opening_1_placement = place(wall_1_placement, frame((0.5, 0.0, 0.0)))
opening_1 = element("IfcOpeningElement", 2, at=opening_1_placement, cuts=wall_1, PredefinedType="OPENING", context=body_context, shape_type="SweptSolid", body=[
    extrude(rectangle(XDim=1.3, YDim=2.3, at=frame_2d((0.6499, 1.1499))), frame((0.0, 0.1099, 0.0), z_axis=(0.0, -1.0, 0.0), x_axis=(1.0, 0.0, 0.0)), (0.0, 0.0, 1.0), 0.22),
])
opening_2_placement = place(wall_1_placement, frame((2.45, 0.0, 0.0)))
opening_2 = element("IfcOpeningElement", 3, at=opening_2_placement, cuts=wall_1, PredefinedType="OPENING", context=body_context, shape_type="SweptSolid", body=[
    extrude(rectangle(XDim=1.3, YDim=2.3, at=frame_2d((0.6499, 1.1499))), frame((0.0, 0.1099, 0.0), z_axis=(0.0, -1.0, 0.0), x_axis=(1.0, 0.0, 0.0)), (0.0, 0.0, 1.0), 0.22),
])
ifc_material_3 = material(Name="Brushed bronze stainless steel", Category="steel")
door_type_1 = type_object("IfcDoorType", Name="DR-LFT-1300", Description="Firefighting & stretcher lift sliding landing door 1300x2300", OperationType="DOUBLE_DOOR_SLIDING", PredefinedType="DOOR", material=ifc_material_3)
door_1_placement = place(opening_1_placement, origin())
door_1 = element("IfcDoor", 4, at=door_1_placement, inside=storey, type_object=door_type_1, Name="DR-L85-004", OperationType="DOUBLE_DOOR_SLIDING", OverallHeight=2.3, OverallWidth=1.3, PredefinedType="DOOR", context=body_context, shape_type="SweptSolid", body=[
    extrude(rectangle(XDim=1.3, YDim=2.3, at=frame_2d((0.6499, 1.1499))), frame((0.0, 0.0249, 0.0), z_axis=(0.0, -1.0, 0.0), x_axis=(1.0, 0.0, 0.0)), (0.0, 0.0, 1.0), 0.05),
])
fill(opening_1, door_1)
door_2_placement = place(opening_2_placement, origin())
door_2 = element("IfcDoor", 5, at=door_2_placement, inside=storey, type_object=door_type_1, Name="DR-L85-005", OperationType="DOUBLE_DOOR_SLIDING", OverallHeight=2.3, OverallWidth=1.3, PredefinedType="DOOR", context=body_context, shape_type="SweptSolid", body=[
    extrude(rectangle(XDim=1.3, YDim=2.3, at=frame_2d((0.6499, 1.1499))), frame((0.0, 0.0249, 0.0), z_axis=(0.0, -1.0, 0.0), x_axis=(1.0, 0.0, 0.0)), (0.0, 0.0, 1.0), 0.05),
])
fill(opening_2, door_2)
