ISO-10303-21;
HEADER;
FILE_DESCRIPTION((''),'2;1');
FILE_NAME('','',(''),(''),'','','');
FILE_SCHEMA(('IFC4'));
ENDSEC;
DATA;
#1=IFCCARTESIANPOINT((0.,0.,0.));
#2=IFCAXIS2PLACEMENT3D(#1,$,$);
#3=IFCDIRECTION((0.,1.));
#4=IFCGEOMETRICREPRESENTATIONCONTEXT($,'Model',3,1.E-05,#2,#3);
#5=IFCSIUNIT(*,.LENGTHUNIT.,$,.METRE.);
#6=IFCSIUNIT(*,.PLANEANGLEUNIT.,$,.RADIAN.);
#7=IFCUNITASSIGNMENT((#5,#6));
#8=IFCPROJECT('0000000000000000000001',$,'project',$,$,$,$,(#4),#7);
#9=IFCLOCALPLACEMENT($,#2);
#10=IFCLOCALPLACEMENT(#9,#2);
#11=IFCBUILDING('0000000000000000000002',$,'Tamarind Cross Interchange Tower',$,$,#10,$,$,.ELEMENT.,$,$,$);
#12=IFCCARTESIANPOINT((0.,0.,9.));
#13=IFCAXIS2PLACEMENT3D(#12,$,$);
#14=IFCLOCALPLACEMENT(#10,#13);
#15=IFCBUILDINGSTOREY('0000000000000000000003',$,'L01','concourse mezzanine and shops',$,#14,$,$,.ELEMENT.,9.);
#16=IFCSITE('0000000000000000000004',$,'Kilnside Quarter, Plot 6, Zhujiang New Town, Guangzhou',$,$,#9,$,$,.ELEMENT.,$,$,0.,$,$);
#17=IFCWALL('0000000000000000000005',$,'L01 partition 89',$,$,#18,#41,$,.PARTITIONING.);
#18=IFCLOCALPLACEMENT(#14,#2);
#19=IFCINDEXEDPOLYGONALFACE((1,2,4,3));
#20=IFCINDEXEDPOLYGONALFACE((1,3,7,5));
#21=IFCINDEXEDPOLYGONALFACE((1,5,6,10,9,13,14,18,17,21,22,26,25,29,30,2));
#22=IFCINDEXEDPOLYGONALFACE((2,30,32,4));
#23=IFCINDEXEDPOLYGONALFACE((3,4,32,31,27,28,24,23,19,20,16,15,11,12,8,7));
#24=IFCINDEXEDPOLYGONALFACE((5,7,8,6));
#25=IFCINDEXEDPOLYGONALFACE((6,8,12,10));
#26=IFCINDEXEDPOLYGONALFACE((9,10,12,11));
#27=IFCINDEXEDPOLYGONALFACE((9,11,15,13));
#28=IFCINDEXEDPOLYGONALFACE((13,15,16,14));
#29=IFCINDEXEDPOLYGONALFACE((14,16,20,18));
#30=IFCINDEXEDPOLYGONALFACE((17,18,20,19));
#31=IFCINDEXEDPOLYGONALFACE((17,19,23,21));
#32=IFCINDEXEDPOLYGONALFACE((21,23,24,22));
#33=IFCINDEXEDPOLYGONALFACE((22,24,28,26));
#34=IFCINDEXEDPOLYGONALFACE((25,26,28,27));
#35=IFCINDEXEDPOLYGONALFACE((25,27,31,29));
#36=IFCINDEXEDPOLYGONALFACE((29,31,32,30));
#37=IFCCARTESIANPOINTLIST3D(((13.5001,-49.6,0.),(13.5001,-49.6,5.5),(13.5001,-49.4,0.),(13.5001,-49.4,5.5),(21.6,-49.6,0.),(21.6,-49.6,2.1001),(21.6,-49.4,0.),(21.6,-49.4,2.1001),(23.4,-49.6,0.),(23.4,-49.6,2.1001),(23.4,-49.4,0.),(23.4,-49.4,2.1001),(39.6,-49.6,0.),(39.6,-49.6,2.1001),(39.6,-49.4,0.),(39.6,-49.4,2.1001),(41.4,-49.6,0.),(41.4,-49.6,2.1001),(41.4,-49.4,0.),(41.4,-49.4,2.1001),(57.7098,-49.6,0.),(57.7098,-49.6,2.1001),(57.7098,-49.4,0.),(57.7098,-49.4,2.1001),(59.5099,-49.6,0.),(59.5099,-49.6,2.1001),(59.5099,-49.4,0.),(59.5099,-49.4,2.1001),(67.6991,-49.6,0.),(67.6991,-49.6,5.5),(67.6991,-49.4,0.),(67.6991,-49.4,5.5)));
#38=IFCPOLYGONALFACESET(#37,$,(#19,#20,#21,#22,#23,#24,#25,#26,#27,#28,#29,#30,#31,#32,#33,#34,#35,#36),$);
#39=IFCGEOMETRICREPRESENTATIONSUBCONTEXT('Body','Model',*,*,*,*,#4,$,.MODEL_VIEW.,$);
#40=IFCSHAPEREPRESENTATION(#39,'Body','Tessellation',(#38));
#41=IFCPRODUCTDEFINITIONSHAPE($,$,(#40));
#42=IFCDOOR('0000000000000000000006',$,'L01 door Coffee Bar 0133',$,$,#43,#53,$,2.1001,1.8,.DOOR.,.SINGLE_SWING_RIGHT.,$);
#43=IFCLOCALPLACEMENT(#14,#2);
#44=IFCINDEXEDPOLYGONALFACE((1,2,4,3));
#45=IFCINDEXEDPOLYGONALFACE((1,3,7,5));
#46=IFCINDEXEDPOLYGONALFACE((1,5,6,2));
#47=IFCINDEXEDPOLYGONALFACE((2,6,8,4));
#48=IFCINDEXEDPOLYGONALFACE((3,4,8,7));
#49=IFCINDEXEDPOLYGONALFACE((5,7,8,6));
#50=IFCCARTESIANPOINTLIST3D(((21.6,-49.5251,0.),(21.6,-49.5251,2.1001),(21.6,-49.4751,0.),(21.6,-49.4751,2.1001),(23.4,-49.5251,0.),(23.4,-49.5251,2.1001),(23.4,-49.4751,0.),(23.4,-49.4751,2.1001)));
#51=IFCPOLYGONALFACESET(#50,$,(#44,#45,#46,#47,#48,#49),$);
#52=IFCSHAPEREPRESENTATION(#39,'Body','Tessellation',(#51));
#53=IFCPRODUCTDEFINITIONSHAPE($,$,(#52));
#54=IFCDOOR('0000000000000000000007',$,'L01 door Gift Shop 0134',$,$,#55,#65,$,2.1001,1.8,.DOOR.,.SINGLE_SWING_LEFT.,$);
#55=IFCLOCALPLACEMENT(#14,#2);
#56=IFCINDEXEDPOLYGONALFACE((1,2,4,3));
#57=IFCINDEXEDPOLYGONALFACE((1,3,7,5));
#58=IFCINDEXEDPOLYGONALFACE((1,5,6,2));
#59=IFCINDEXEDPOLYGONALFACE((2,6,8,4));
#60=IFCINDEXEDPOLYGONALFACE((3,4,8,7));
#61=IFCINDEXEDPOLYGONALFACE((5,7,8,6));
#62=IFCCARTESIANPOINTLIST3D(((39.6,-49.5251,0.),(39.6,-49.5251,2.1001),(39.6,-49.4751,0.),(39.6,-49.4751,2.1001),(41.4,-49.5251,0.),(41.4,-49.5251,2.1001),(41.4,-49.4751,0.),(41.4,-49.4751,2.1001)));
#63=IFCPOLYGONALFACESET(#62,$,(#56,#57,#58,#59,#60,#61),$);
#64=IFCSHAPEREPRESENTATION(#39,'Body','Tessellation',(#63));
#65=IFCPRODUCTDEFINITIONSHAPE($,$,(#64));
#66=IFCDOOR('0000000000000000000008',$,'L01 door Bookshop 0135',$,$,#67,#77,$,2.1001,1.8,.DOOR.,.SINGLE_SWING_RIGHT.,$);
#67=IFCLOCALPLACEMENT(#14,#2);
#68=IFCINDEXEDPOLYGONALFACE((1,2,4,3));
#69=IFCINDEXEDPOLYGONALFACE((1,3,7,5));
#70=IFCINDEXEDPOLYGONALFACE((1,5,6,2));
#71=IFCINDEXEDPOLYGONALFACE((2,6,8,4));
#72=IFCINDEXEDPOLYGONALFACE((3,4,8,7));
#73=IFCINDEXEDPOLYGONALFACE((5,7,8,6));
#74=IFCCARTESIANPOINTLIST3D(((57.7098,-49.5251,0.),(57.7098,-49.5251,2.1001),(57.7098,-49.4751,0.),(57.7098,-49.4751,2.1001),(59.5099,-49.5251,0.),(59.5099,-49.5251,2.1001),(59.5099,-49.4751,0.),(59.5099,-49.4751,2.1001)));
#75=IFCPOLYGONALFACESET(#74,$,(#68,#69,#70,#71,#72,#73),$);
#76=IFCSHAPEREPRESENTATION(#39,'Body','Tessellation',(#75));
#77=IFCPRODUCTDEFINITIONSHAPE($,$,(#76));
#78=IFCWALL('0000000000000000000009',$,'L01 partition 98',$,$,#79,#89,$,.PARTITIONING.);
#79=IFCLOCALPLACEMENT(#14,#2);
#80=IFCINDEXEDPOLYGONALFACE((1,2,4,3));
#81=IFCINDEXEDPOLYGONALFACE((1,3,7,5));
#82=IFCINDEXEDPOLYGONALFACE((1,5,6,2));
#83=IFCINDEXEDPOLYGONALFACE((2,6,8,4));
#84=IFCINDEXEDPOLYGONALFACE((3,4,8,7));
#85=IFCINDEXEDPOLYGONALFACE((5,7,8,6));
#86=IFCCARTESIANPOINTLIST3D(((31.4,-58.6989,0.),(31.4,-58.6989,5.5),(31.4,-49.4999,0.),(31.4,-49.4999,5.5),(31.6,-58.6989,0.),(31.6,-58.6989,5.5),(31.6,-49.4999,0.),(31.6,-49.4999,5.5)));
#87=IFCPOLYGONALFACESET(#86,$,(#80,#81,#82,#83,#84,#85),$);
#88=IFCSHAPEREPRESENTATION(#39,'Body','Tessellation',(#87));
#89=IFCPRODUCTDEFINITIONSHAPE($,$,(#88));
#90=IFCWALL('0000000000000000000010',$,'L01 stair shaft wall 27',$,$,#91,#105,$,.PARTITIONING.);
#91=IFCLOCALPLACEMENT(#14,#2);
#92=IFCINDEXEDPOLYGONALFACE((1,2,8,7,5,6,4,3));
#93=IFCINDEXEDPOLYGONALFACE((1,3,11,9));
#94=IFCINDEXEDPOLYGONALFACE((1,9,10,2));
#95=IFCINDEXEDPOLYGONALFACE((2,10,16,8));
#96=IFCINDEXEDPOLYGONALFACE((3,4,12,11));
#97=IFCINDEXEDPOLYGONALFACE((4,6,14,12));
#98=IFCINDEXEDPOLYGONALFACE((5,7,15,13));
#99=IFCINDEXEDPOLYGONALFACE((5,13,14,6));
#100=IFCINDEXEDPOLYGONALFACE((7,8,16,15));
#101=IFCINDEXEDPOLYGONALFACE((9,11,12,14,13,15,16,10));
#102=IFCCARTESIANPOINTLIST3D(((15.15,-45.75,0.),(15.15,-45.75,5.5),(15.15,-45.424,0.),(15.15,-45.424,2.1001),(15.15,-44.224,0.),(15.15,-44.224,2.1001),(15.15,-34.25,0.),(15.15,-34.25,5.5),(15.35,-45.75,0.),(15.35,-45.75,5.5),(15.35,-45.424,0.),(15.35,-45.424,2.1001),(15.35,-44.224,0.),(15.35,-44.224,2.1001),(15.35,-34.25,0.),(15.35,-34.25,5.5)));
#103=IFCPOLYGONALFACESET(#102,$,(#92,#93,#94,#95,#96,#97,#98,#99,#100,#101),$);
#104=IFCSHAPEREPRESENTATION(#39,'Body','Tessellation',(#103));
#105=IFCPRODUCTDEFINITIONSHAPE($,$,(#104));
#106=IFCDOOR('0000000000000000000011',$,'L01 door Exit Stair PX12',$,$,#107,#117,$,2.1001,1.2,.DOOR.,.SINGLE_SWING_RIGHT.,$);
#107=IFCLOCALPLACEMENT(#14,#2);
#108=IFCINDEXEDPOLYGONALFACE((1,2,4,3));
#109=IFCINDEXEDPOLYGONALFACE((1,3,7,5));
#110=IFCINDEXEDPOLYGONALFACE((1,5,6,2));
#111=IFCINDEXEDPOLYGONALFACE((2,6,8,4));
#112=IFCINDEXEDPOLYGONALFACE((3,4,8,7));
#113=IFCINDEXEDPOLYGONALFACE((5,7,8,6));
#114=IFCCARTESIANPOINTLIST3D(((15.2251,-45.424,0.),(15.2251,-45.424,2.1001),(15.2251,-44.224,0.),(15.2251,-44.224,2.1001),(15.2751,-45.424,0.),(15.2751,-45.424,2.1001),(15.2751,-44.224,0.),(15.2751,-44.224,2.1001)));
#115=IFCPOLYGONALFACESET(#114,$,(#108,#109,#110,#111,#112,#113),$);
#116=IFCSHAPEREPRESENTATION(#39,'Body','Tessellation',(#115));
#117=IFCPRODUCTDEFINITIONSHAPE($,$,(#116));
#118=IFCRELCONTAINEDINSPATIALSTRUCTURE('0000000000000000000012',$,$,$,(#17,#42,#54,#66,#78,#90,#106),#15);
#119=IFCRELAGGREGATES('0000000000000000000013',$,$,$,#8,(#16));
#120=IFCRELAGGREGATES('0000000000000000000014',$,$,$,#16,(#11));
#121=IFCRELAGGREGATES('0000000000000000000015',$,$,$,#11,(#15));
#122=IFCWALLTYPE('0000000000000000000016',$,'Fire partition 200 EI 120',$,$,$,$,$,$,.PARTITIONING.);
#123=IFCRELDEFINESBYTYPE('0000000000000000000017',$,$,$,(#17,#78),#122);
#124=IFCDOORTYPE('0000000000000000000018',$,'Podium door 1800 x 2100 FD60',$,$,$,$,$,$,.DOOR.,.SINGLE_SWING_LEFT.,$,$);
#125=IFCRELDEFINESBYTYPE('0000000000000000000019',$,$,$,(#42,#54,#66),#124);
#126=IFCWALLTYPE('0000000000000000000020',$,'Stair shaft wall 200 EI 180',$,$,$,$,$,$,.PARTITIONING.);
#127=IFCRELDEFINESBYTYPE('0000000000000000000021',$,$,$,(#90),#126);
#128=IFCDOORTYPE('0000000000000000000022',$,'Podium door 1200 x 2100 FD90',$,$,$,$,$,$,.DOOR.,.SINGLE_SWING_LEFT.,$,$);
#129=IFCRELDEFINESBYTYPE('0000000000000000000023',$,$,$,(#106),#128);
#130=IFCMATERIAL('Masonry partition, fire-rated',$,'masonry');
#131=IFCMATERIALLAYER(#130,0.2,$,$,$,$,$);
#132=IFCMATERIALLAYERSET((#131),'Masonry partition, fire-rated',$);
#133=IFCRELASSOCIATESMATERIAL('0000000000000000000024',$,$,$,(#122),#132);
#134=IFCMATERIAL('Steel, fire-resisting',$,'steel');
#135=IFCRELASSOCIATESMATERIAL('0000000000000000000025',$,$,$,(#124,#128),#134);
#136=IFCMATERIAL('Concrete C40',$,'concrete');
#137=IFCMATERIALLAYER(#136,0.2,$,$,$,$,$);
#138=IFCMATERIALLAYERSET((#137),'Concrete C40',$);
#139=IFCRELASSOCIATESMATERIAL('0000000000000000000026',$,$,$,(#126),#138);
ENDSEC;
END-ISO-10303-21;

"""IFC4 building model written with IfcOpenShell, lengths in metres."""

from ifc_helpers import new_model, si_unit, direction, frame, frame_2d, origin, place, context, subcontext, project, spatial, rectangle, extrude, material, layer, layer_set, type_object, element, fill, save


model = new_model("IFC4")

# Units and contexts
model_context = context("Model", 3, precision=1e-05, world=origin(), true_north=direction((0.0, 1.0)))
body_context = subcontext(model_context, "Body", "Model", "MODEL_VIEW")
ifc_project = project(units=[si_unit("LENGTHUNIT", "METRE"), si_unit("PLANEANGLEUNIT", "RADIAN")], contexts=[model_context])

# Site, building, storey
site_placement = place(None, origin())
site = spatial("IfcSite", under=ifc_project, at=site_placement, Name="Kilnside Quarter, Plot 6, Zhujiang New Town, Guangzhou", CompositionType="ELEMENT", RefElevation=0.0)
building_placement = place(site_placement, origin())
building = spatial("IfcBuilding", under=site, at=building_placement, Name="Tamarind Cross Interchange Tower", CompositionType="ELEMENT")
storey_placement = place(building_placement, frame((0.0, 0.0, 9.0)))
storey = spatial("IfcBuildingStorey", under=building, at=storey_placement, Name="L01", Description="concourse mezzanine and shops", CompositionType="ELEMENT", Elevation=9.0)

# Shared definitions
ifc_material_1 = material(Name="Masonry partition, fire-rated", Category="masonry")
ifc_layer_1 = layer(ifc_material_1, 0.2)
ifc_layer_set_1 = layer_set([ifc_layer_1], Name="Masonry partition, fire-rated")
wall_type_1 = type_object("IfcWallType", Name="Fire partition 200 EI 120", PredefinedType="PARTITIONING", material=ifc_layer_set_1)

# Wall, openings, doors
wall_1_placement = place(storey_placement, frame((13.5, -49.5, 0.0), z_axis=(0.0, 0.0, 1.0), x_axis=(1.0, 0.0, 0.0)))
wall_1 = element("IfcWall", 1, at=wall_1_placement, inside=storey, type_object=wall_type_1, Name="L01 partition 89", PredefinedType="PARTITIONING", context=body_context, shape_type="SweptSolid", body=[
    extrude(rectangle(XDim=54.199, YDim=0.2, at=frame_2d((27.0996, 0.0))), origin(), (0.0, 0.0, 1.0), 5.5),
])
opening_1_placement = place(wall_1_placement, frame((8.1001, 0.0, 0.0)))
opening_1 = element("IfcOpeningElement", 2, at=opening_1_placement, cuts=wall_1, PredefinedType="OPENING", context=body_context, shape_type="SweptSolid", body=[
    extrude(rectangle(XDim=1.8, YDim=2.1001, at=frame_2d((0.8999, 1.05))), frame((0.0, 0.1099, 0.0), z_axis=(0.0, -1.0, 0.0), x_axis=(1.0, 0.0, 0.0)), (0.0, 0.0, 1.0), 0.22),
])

********************

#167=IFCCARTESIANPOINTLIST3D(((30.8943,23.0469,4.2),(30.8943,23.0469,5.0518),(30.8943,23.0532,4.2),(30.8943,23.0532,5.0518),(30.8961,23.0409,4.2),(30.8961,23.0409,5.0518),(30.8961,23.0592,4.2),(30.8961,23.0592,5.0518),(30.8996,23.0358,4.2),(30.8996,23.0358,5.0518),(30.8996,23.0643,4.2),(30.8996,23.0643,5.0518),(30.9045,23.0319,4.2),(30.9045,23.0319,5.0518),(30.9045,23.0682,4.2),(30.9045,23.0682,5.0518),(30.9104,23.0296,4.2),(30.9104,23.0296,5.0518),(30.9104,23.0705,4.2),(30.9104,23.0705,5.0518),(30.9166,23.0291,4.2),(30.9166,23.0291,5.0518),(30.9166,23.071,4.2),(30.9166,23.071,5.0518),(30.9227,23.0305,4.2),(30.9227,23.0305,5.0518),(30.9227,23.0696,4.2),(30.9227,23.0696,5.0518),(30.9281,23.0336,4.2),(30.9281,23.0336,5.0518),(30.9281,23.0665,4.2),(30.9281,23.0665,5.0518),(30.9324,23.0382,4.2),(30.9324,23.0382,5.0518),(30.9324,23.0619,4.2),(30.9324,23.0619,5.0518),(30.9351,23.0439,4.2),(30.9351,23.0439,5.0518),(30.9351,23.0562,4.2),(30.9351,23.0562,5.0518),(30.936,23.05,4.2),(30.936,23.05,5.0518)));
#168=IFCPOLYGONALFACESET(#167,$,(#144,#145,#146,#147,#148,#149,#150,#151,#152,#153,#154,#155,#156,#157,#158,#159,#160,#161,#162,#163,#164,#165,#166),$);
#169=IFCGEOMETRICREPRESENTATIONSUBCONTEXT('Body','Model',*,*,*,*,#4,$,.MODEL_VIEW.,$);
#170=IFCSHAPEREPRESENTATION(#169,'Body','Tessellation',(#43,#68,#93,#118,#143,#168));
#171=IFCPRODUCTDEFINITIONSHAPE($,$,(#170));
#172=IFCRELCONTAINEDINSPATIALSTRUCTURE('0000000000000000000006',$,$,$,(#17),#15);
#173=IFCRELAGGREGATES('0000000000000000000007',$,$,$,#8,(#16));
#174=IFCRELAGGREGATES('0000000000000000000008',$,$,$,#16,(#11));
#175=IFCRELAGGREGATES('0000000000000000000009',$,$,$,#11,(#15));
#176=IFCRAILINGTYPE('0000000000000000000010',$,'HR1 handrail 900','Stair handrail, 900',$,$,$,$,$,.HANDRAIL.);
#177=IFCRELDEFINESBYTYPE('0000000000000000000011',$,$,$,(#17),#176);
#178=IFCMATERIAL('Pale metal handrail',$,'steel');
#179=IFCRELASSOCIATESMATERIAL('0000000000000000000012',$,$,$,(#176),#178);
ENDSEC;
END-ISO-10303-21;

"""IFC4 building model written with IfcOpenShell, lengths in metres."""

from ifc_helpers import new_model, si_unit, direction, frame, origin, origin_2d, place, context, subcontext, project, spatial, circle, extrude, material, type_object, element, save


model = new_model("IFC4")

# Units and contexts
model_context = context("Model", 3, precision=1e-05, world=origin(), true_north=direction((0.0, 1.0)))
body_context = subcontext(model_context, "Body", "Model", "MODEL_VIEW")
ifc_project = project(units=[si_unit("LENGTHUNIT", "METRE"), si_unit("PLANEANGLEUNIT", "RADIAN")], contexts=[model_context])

********************

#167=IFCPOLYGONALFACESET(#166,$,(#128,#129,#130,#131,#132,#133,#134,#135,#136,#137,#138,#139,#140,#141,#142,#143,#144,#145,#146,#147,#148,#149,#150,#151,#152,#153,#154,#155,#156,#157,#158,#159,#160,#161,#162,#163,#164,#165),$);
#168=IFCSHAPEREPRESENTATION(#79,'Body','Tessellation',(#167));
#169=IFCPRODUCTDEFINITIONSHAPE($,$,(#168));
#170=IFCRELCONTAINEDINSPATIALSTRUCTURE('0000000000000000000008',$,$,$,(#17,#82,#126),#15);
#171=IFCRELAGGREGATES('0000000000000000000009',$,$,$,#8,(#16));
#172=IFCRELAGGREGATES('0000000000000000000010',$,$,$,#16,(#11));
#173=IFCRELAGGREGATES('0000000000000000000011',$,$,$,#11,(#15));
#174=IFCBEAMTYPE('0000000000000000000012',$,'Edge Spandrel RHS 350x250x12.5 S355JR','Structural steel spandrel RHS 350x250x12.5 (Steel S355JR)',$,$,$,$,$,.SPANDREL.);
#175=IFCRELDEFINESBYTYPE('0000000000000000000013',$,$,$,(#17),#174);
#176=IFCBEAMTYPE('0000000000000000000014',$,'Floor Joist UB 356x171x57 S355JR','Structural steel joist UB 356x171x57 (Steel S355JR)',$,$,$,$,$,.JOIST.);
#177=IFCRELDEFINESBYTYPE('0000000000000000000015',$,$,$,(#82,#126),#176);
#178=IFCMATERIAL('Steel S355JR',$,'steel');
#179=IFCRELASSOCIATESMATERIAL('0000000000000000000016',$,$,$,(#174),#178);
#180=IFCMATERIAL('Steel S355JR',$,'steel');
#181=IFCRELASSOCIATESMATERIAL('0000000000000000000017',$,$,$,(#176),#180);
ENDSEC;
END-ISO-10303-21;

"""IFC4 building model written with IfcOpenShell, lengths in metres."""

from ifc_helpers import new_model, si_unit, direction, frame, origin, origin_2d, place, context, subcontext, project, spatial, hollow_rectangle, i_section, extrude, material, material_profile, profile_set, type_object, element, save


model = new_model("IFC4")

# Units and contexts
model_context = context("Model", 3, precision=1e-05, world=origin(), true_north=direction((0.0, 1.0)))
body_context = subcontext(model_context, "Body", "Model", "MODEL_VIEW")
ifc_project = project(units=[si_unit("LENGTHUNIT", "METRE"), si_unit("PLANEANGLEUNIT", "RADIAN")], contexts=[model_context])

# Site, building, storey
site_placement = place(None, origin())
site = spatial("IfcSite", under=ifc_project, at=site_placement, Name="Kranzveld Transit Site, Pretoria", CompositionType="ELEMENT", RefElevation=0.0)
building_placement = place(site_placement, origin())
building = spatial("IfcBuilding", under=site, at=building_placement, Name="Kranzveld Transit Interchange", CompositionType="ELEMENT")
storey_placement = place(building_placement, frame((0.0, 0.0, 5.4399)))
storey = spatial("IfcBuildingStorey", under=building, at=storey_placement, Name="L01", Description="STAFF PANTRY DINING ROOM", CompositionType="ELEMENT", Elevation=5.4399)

********************

__EXERCISE__.
Extract exactly and only the lines above from the line containing "#79=IFCLOCALPLACEMENT(#14,#2);" through the line containing "#93=IFCINDEXEDPOLYGONALFACE((1,3,11,9));", both end lines included.

__ANSWER TO THIS PROBLEM__.
#79=IFCLOCALPLACEMENT(#14,#2);
#80=IFCINDEXEDPOLYGONALFACE((1,2,4,3));
#81=IFCINDEXEDPOLYGONALFACE((1,3,7,5));
#82=IFCINDEXEDPOLYGONALFACE((1,5,6,2));
#83=IFCINDEXEDPOLYGONALFACE((2,6,8,4));
#84=IFCINDEXEDPOLYGONALFACE((3,4,8,7));
#85=IFCINDEXEDPOLYGONALFACE((5,7,8,6));
#86=IFCCARTESIANPOINTLIST3D(((31.4,-58.6989,0.),(31.4,-58.6989,5.5),(31.4,-49.4999,0.),(31.4,-49.4999,5.5),(31.6,-58.6989,0.),(31.6,-58.6989,5.5),(31.6,-49.4999,0.),(31.6,-49.4999,5.5)));
#87=IFCPOLYGONALFACESET(#86,$,(#80,#81,#82,#83,#84,#85),$);
#88=IFCSHAPEREPRESENTATION(#39,'Body','Tessellation',(#87));
#89=IFCPRODUCTDEFINITIONSHAPE($,$,(#88));
#90=IFCWALL('0000000000000000000010',$,'L01 stair shaft wall 27',$,$,#91,#105,$,.PARTITIONING.);
#91=IFCLOCALPLACEMENT(#14,#2);
#92=IFCINDEXEDPOLYGONALFACE((1,2,8,7,5,6,4,3));
#93=IFCINDEXEDPOLYGONALFACE((1,3,11,9));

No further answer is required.